__TO DO__: Find the string "direction" in the records. Copy every line it appears in.

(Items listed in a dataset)
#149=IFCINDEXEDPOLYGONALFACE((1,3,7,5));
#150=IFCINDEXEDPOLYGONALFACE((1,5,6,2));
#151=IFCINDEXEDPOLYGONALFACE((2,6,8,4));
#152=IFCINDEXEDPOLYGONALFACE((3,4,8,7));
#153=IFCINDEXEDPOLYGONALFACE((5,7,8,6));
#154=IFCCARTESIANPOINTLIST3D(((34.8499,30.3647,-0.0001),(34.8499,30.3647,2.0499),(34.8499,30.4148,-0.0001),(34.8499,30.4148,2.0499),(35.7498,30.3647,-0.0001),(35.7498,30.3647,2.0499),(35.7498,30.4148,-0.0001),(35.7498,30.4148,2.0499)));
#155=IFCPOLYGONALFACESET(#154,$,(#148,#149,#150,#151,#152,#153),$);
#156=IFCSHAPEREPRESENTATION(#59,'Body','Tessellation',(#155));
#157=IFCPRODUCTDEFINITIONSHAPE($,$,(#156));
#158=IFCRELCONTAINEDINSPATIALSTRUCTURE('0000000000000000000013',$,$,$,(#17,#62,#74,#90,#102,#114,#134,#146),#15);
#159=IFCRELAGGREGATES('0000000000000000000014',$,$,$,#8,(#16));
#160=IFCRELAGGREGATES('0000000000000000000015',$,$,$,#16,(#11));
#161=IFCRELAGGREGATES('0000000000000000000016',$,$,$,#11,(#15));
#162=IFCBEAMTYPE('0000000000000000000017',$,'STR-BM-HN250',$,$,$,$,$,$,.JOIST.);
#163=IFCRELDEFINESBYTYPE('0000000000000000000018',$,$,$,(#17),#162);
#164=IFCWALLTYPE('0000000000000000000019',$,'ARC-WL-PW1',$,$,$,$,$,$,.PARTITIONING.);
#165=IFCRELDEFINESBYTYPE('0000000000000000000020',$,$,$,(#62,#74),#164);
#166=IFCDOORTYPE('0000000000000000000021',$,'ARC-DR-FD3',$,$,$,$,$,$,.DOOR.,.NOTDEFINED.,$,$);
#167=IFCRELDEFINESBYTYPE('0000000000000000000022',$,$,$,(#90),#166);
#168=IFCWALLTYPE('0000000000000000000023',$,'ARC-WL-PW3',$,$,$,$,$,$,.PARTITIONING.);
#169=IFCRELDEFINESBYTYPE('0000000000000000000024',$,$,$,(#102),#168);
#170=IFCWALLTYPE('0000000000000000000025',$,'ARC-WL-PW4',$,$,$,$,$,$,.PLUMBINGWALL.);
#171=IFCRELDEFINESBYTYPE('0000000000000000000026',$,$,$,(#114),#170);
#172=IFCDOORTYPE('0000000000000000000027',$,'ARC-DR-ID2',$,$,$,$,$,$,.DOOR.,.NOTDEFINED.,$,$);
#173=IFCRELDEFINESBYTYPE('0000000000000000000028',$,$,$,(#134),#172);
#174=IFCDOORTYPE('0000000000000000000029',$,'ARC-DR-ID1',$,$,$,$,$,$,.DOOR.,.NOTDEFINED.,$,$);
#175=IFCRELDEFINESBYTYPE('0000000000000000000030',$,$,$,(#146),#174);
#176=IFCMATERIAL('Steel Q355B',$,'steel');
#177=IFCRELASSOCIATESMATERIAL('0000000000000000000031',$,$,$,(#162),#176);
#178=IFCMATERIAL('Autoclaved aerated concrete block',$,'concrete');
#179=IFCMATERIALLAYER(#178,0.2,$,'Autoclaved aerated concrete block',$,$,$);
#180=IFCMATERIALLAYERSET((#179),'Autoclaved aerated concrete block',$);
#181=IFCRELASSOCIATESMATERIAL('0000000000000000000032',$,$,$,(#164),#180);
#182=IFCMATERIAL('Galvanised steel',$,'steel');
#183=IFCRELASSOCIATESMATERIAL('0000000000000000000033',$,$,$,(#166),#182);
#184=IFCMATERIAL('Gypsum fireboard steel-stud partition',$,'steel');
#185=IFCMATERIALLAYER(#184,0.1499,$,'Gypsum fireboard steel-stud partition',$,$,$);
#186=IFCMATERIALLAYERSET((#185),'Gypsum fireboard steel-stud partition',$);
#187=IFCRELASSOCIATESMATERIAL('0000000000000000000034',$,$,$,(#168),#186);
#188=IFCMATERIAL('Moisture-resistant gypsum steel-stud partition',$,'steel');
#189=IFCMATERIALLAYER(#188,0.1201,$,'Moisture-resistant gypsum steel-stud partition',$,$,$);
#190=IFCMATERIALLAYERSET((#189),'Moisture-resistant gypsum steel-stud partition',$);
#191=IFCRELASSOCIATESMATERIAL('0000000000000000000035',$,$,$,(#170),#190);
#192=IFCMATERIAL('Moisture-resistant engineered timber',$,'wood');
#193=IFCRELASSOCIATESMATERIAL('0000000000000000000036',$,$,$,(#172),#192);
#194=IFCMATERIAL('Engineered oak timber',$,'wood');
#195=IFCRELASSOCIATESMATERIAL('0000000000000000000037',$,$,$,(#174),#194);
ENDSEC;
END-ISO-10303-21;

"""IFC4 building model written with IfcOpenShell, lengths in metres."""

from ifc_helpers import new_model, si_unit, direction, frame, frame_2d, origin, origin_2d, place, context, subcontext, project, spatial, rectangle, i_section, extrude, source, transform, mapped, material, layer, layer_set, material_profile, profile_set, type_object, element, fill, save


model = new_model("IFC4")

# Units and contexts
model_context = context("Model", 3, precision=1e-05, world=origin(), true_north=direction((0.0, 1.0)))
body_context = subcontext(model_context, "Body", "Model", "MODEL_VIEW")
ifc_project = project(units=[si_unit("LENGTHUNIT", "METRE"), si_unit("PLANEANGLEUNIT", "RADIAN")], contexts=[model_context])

__TASK RESULT__:
from ifc_helpers import new_model, si_unit, direction, frame, frame_2d, origin, origin_2d, place, context, subcontext, project, spatial, rectangle, i_section, extrude, source, transform, mapped, material, layer, layer_set, material_profile, profile_set, type_object, element, fill, save
model_context = context("Model", 3, precision=1e-05, world=origin(), true_north=direction((0.0, 1.0)))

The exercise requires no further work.